REQUIRED WORK:
Say how many lines in the entries contain "Tanit", giving only the number.

[Start of section]

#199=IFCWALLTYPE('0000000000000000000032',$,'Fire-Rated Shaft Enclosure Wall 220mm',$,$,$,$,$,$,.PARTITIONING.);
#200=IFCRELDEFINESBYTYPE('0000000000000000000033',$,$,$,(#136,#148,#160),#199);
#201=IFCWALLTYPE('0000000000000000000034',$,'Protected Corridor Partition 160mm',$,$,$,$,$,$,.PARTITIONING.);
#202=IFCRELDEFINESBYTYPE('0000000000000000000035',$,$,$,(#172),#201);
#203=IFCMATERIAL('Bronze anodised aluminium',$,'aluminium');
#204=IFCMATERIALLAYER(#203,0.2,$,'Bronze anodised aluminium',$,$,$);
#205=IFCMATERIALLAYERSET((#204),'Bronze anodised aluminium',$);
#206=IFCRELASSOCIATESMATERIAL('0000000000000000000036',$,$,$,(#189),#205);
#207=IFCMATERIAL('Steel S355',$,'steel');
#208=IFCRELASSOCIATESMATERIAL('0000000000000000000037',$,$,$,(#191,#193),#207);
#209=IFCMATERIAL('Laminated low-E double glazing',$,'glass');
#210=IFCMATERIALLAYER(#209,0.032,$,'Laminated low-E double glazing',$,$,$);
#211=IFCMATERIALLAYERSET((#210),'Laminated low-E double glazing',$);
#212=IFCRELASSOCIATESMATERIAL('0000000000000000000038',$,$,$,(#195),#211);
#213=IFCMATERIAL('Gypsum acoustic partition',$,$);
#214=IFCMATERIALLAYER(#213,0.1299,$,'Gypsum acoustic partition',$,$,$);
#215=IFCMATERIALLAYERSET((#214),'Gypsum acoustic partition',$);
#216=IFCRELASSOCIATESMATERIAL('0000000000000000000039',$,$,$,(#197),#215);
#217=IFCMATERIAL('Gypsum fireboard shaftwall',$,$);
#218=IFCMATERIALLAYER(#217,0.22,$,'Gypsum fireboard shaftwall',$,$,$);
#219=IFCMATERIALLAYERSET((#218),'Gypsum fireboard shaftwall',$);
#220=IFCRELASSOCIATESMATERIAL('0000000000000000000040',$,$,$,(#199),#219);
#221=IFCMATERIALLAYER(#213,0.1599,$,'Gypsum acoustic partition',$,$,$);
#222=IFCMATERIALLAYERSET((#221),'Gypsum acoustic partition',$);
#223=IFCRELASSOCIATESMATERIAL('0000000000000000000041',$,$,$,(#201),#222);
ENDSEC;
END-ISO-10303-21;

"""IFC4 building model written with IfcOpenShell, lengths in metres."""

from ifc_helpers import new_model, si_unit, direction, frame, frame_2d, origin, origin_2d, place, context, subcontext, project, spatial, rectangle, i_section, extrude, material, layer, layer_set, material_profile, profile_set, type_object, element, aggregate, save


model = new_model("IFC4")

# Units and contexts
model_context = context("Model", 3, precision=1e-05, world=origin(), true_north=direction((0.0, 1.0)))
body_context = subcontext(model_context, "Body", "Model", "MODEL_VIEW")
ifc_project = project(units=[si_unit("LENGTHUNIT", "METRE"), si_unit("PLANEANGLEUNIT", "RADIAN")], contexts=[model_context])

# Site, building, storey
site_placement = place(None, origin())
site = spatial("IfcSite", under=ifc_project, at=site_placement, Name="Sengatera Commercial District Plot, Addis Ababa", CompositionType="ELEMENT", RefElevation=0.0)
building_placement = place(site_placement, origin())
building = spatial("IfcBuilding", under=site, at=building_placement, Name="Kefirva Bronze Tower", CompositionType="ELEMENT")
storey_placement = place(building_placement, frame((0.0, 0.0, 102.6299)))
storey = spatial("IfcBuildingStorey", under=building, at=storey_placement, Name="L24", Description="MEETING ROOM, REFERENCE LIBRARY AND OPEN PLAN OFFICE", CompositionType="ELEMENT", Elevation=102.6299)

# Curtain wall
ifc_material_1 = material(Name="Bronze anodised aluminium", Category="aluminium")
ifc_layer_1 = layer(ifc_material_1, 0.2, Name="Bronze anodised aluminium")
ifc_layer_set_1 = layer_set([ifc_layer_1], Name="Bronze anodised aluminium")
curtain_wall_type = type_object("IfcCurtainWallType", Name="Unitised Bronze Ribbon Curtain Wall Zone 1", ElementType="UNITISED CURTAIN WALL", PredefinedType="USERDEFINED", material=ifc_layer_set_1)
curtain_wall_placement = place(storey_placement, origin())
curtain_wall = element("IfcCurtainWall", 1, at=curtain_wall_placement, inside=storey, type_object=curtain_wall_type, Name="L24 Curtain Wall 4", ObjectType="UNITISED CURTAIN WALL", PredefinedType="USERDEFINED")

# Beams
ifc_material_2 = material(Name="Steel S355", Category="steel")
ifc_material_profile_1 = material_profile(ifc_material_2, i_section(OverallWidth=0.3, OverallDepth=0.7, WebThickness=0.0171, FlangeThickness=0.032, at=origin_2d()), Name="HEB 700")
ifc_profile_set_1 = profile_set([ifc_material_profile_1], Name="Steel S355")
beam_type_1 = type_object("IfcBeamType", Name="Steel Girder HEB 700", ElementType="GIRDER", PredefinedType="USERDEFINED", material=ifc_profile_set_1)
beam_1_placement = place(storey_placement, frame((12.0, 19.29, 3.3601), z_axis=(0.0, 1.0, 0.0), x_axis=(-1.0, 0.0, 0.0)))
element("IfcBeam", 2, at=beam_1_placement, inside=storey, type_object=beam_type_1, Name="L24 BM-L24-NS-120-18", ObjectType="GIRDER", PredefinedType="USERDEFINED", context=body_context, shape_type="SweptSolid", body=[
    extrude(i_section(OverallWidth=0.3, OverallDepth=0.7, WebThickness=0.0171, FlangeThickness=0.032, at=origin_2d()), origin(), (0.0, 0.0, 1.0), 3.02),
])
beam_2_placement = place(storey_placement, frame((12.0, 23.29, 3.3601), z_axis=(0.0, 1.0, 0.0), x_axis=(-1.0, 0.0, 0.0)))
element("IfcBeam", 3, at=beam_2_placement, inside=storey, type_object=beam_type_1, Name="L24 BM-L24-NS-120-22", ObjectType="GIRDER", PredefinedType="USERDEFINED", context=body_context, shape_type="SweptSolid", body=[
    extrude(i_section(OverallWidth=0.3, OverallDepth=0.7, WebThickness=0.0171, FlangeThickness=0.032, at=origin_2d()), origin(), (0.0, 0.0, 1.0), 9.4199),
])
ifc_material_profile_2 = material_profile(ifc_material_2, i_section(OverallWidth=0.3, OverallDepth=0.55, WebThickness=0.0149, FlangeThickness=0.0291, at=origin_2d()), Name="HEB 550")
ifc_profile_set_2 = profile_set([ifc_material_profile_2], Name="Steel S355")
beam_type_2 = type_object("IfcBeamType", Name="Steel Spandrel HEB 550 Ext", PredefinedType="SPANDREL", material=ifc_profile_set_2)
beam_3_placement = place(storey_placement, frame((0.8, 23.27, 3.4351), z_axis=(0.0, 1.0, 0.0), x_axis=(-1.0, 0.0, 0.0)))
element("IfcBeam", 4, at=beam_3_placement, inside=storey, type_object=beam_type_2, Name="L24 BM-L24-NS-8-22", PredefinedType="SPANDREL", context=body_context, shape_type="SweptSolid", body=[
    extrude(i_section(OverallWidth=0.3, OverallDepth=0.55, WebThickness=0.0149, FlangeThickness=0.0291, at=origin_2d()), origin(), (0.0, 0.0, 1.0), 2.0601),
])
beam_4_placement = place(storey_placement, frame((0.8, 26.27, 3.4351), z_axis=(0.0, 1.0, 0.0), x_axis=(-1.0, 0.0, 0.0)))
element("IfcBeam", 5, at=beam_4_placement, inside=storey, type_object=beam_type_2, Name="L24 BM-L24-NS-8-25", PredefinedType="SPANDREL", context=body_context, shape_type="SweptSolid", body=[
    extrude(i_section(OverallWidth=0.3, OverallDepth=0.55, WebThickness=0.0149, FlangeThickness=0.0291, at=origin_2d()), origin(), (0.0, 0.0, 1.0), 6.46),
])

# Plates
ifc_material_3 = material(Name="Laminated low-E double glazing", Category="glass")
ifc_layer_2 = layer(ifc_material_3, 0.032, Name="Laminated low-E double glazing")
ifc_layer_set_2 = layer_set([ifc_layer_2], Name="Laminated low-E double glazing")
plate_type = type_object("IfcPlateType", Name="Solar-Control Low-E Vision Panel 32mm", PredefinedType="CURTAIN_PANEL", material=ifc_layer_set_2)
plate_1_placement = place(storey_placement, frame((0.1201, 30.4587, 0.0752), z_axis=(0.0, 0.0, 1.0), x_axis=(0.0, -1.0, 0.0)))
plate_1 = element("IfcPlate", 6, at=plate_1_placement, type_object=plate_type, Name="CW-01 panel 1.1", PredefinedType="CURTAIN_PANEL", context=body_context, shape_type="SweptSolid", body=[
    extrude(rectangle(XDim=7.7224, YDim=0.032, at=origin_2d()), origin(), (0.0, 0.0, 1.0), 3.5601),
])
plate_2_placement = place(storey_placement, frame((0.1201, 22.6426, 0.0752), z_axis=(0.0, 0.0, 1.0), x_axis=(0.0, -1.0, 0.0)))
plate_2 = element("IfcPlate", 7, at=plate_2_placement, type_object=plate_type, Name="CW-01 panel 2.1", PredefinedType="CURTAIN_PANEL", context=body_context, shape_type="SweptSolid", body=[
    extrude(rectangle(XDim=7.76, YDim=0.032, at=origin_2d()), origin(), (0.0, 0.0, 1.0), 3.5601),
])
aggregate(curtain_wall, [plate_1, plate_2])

[End of section]
[Start of section]

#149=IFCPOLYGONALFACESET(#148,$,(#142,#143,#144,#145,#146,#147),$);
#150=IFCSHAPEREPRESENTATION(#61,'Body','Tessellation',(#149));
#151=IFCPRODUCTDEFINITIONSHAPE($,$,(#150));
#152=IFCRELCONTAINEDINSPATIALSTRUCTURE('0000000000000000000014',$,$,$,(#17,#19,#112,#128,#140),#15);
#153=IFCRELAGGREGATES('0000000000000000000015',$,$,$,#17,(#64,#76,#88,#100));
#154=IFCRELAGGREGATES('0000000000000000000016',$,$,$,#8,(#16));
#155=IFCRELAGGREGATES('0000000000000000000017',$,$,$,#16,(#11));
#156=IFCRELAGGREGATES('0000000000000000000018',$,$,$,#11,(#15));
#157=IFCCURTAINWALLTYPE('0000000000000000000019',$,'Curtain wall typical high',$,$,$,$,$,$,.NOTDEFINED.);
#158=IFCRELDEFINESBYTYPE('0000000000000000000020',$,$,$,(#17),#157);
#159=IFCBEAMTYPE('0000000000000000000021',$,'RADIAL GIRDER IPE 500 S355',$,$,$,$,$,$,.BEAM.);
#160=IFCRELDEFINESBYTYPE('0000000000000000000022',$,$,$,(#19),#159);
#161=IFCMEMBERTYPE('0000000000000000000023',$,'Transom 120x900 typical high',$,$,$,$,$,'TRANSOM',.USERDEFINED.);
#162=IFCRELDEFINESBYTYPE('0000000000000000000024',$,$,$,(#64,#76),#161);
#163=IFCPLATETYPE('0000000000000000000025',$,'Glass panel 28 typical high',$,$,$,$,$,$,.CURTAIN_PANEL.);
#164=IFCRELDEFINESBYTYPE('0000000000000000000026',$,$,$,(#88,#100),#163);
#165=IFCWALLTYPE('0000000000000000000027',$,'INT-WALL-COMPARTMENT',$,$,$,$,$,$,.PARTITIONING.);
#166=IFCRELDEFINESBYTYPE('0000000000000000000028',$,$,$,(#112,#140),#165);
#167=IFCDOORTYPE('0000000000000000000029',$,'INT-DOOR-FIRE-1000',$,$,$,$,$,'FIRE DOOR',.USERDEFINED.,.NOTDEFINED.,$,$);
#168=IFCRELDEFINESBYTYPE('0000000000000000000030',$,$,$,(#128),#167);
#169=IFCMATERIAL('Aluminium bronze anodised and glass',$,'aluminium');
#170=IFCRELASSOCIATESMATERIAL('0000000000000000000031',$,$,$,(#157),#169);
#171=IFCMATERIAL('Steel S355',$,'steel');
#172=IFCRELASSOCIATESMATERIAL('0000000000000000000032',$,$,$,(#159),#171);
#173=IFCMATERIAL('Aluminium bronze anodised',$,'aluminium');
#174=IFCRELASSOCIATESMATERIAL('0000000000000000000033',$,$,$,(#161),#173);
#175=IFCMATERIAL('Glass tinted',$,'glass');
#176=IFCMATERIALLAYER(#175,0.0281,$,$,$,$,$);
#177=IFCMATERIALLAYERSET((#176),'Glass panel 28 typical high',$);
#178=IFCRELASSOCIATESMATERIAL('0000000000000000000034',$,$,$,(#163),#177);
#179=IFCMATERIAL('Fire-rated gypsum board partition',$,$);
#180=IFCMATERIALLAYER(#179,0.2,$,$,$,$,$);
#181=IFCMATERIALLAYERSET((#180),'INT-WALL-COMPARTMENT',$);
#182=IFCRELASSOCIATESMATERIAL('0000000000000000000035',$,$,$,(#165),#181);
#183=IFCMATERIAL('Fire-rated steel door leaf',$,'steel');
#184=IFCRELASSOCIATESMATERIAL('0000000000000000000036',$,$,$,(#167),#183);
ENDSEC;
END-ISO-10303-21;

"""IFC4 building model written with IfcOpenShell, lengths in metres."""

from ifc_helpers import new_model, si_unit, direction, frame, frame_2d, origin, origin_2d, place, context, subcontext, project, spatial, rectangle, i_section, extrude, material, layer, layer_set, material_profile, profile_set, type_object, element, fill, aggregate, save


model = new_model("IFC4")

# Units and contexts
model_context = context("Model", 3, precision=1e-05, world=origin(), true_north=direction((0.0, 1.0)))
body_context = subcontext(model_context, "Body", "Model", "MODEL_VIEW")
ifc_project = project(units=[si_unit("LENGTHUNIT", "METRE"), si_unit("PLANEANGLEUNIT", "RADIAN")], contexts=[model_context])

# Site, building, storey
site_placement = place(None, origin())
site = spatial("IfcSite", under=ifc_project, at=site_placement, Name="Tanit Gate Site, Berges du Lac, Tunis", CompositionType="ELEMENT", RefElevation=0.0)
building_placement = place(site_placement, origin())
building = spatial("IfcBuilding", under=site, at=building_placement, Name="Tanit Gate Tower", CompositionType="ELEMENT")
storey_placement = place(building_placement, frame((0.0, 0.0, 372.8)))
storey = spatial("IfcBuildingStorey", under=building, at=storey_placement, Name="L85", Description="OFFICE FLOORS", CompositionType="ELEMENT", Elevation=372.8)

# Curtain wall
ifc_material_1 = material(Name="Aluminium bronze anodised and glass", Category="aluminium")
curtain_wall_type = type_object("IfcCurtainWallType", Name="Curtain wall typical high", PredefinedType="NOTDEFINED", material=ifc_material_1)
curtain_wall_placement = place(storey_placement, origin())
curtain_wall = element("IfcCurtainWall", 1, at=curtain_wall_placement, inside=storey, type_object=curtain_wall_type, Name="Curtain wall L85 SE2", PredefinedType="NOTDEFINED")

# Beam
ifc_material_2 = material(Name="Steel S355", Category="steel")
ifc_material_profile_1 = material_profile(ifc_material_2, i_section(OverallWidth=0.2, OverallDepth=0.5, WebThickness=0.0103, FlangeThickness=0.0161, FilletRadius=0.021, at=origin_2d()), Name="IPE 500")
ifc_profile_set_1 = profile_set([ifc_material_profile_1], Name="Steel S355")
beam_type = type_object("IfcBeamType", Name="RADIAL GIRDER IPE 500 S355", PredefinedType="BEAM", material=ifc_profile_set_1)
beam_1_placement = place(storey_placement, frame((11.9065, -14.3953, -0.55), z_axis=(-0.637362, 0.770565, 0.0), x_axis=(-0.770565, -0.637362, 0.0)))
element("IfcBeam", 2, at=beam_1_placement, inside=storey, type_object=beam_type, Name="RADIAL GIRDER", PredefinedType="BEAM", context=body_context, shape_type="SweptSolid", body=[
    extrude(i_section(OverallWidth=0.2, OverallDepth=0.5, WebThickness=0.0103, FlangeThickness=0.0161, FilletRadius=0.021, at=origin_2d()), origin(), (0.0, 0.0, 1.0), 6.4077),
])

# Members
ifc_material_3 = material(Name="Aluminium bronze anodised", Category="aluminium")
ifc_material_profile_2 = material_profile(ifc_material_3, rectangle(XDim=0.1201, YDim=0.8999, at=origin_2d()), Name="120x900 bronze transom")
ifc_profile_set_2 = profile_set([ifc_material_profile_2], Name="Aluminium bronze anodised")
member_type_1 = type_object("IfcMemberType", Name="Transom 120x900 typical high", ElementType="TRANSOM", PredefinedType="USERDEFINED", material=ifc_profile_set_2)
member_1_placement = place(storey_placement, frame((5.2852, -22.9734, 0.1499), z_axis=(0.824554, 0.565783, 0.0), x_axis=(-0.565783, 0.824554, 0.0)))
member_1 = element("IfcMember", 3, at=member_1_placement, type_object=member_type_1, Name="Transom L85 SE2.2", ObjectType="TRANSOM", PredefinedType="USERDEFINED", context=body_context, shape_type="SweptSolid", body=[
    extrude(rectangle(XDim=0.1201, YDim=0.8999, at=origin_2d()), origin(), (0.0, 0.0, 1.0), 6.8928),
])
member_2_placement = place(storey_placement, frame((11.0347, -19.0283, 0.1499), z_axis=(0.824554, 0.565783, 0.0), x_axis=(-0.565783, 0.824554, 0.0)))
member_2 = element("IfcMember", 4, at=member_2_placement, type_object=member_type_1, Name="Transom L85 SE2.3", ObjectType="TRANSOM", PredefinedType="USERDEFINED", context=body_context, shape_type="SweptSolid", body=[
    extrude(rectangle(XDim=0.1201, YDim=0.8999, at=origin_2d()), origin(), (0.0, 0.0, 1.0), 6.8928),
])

[End of section]

ANSWER TO THE EXERCISE:
2